ASSIGNED TASK:
Write out the entries below exactly. End with the line that contains "#32=IFCINDEXEDPOLYGONALFACE((21,23,24,22));".

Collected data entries

=-=-=-=-=

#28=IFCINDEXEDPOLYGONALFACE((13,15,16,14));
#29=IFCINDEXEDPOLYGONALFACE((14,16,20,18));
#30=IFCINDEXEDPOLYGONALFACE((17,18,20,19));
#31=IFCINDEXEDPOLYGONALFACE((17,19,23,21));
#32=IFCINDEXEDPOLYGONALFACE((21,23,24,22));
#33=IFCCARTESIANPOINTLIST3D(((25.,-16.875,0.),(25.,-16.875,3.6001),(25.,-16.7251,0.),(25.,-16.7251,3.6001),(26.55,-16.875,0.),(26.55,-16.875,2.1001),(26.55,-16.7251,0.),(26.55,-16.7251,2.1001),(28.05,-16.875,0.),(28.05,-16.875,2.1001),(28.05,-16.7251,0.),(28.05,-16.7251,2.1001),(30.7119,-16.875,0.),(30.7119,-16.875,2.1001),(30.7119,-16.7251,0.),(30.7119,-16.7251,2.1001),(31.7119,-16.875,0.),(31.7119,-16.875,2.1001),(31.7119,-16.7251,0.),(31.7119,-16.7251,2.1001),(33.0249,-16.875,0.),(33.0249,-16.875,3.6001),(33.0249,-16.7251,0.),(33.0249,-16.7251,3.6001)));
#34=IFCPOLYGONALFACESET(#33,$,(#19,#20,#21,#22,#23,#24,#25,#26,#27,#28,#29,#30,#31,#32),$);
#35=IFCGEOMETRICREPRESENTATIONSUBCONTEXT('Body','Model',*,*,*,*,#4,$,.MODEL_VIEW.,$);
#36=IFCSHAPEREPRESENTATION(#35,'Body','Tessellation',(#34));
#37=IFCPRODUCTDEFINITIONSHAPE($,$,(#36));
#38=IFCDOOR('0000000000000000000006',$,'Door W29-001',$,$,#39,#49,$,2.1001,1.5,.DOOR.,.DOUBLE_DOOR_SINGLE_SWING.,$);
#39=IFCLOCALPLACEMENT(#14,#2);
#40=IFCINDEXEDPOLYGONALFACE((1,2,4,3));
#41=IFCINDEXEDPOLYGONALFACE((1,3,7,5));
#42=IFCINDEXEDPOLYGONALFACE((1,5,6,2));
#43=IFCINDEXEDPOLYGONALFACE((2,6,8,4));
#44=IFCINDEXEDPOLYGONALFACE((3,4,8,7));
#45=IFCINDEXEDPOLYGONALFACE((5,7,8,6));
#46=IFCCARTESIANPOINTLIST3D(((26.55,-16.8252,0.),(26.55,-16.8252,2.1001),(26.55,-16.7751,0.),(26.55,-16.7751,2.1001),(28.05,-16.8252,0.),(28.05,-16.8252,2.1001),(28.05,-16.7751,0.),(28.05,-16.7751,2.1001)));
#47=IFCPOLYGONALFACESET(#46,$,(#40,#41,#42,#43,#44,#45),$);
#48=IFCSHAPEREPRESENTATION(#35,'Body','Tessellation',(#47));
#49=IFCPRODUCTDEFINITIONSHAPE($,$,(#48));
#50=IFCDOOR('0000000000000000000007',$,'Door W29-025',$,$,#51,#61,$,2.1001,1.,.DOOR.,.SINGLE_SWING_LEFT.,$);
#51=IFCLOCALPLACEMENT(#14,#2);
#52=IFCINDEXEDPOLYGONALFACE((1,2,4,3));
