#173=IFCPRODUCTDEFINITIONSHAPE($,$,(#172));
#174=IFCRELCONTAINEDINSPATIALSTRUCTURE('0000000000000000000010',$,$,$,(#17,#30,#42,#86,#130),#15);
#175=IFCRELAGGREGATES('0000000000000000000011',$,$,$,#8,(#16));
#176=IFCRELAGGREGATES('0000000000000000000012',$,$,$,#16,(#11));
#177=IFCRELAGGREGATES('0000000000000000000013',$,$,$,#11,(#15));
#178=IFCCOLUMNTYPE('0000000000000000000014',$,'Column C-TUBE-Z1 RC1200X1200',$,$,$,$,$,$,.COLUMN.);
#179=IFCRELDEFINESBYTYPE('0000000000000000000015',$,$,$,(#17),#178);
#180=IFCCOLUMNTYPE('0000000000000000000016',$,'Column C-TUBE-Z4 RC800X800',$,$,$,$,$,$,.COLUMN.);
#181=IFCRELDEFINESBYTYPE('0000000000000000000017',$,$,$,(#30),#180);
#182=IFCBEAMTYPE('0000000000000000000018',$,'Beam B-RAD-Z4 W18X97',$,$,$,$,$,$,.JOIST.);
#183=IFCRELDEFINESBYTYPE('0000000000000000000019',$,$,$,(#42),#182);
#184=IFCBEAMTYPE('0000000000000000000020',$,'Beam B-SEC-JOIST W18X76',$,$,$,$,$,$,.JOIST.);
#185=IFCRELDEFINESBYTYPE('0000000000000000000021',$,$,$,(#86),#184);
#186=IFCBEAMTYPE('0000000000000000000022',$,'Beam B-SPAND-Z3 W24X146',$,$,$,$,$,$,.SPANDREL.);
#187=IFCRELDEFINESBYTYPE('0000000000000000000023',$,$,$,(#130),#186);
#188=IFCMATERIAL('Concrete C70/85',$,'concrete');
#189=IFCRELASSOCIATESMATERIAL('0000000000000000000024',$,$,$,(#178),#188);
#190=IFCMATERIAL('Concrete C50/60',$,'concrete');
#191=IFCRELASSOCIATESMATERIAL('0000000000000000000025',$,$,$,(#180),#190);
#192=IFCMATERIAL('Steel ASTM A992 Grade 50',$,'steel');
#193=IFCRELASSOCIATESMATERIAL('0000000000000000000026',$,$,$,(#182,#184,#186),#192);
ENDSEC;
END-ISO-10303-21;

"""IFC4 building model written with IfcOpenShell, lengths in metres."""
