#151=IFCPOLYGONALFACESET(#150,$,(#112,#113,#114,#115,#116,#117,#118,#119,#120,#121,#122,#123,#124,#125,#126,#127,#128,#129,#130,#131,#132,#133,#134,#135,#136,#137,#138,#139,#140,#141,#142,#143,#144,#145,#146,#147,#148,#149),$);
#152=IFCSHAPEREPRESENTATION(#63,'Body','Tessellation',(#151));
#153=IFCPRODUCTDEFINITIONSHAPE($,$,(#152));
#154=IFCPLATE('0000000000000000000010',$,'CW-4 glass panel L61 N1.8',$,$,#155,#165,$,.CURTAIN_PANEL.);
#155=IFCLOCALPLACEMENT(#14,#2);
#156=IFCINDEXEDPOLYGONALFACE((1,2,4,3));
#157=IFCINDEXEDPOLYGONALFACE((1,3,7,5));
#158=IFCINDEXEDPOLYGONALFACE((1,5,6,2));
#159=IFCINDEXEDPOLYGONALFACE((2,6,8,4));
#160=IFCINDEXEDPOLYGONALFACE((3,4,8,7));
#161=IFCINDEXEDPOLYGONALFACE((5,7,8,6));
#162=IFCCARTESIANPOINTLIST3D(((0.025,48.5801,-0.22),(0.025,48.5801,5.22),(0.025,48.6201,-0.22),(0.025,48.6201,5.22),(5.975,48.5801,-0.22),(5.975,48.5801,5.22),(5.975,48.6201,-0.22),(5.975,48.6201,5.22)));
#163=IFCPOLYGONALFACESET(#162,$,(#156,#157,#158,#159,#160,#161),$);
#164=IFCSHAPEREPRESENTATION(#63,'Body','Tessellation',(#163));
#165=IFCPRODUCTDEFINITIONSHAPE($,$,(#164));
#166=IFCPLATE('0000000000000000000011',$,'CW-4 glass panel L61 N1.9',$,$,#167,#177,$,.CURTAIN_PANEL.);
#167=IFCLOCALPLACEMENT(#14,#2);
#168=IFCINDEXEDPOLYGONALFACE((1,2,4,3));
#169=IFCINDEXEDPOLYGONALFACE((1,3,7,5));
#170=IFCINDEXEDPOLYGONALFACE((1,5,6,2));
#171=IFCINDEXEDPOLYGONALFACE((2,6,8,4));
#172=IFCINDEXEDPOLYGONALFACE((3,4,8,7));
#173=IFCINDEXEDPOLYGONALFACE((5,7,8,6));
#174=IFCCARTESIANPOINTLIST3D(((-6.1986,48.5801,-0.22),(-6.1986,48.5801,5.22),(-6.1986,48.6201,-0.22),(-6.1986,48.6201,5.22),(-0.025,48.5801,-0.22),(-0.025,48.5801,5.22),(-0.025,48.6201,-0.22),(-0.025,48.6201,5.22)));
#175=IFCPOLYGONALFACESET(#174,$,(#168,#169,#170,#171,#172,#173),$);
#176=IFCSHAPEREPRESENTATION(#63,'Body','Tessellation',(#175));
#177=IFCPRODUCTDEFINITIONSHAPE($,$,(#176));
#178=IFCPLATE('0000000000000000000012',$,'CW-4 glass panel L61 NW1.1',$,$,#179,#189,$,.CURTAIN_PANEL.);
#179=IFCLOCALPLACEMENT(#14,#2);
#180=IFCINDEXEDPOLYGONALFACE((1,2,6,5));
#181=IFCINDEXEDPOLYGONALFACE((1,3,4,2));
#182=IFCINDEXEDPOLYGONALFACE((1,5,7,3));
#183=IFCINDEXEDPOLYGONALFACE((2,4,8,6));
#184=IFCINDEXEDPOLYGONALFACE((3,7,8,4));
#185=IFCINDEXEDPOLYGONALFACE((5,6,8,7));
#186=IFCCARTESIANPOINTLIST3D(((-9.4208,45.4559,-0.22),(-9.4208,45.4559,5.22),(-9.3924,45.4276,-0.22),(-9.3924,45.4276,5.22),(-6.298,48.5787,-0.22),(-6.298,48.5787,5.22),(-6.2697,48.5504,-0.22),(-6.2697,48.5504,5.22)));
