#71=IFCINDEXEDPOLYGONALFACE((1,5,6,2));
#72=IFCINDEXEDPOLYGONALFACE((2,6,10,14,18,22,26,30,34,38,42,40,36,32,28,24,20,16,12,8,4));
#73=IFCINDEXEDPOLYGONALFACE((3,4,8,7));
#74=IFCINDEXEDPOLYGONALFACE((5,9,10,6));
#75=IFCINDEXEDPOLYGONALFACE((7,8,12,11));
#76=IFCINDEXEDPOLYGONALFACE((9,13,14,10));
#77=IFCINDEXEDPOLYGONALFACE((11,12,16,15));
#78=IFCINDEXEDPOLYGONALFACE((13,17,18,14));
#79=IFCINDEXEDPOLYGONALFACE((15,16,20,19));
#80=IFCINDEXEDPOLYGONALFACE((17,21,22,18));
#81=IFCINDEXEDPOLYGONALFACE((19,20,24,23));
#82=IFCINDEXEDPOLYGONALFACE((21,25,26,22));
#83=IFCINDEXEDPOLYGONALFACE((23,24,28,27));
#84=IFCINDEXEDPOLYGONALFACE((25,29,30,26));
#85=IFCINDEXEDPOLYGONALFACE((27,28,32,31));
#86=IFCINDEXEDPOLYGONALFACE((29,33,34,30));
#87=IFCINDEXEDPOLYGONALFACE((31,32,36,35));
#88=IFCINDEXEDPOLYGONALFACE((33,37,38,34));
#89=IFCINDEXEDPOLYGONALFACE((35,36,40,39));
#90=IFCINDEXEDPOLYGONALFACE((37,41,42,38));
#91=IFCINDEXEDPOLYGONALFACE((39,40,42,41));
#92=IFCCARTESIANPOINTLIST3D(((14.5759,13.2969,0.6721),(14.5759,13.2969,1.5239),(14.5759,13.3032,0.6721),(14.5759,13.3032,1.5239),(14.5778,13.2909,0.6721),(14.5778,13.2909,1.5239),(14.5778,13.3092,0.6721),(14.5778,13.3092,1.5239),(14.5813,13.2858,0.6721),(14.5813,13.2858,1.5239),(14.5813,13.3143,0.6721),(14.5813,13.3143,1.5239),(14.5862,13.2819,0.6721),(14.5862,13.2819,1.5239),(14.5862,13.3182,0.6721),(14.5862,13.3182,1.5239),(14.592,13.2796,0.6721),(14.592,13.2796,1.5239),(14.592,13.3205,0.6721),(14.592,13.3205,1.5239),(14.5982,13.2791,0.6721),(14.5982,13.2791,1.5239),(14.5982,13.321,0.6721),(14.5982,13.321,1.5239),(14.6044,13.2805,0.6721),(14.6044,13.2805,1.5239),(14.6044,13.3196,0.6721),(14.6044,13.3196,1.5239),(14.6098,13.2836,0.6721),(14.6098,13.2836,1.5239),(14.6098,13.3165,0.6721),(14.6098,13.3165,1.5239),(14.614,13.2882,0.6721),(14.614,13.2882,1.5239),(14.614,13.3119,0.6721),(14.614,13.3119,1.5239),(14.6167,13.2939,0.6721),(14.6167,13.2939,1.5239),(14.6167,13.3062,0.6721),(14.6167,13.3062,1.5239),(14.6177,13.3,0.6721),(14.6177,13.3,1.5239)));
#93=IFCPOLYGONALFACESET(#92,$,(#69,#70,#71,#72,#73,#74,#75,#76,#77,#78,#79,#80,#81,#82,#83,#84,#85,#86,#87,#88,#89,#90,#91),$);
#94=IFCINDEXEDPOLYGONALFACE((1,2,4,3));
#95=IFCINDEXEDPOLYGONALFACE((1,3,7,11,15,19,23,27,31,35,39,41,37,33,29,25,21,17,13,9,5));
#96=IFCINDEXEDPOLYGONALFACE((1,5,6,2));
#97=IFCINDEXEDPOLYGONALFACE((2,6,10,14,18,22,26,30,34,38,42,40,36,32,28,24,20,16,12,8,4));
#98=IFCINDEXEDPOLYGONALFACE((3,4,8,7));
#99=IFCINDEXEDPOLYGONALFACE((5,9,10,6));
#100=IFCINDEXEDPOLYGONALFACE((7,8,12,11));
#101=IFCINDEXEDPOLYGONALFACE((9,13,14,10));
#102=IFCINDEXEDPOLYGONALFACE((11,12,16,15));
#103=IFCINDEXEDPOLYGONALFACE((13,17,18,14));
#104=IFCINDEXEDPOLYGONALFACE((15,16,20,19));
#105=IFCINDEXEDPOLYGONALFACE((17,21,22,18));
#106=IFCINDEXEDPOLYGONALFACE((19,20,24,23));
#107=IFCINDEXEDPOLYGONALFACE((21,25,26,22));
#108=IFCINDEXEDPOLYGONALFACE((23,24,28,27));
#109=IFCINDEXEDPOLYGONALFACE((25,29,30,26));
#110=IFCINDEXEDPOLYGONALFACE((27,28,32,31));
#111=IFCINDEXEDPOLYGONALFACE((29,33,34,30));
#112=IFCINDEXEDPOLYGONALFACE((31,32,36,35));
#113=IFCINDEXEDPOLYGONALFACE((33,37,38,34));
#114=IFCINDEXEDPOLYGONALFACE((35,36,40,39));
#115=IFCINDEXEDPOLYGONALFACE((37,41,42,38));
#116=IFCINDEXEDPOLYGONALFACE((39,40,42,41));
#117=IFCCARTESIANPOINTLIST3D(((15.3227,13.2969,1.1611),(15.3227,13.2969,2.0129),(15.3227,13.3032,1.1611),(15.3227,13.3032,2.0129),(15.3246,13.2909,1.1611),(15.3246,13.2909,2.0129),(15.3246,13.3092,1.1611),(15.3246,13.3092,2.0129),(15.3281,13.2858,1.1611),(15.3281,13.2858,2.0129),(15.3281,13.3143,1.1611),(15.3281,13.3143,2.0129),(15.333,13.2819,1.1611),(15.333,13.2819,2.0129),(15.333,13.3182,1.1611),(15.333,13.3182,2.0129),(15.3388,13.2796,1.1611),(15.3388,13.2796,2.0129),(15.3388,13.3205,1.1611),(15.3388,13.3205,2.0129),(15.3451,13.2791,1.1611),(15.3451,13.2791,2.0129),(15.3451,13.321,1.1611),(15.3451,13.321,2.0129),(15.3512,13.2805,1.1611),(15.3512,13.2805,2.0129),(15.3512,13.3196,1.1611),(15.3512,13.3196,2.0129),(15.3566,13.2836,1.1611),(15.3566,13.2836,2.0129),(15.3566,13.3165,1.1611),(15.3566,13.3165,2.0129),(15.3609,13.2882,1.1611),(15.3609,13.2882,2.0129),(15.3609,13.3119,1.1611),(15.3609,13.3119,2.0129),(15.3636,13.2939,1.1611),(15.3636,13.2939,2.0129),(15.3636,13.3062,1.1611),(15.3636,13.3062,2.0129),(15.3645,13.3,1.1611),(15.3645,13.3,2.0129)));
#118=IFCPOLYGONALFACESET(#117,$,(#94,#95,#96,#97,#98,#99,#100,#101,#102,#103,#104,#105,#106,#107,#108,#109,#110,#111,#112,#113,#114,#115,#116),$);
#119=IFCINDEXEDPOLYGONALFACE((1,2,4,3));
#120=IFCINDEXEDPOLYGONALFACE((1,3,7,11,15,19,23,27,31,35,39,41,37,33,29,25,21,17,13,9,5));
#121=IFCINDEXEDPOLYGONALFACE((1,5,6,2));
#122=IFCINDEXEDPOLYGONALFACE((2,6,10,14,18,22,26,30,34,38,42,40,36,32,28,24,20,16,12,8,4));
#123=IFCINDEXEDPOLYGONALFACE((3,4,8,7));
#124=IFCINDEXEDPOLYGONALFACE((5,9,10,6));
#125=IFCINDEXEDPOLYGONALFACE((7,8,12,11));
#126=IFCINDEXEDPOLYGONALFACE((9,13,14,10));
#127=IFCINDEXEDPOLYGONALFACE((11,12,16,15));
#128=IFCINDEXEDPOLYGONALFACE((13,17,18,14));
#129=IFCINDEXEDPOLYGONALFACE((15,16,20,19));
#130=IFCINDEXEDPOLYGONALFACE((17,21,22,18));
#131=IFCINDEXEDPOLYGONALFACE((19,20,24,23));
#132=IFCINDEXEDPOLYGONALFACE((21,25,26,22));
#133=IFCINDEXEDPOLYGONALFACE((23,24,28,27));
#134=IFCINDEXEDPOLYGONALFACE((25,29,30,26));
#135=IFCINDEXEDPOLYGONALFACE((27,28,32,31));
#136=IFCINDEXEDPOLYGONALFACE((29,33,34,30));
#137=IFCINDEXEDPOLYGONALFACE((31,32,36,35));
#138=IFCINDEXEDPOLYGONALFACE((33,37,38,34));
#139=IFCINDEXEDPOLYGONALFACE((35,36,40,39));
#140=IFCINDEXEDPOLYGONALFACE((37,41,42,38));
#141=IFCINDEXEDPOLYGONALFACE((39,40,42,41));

=-=-=-=-=

ANSWER TO THIS EXERCISE:
#28=IFCINDEXEDPOLYGONALFACE((13,15,16,14));
#29=IFCINDEXEDPOLYGONALFACE((14,16,20,18));
#30=IFCINDEXEDPOLYGONALFACE((17,18,20,19));
#31=IFCINDEXEDPOLYGONALFACE((17,19,23,21));
#32=IFCINDEXEDPOLYGONALFACE((21,23,24,22));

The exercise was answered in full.